**Problem:**
Show each line of the entries below in which the word "Precast" appears.

Collected data entries:
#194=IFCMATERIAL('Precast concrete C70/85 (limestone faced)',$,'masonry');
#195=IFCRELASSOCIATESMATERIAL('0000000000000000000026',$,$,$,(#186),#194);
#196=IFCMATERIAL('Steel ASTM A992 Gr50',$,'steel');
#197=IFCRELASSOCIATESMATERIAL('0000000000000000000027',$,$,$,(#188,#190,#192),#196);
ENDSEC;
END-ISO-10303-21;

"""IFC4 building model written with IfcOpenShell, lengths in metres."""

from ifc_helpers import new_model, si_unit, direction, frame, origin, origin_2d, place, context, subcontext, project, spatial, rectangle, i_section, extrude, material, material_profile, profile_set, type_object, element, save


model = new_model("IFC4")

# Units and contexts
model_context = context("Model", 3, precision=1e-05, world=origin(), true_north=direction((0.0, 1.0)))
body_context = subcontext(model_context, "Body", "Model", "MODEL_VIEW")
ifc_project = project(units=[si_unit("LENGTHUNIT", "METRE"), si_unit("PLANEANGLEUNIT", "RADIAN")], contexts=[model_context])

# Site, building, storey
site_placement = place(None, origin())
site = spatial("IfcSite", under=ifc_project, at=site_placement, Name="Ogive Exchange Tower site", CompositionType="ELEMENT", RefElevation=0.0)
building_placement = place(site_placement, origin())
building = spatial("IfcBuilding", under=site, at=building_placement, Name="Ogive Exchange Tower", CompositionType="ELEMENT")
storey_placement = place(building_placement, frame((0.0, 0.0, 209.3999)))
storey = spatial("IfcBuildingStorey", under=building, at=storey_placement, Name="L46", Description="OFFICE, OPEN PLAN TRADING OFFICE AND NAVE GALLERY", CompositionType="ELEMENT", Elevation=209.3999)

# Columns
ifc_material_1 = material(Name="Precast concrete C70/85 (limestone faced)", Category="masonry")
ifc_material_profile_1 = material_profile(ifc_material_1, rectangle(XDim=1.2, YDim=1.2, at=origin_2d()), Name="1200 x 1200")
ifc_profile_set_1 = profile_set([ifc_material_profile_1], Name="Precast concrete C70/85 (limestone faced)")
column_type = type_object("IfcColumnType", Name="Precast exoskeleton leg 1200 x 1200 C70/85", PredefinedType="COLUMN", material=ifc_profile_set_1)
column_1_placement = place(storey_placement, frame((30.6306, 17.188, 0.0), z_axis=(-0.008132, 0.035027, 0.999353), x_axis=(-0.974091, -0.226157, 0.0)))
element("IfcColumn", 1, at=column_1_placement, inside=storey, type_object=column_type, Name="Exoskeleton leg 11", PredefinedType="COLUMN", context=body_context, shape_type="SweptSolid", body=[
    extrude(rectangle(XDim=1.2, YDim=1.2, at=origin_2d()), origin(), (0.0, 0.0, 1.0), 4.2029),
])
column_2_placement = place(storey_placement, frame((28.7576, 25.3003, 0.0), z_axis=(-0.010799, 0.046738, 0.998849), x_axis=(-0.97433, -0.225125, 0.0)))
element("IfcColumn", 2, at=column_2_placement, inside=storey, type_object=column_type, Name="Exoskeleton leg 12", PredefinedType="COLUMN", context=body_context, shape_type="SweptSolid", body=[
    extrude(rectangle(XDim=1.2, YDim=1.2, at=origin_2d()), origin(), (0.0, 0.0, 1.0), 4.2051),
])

**Solution below:**
#194=IFCMATERIAL('Precast concrete C70/85 (limestone faced)',$,'masonry');
ifc_material_1 = material(Name="Precast concrete C70/85 (limestone faced)", Category="masonry")
ifc_profile_set_1 = profile_set([ifc_material_profile_1], Name="Precast concrete C70/85 (limestone faced)")
column_type = type_object("IfcColumnType", Name="Precast exoskeleton leg 1200 x 1200 C70/85", PredefinedType="COLUMN", material=ifc_profile_set_1)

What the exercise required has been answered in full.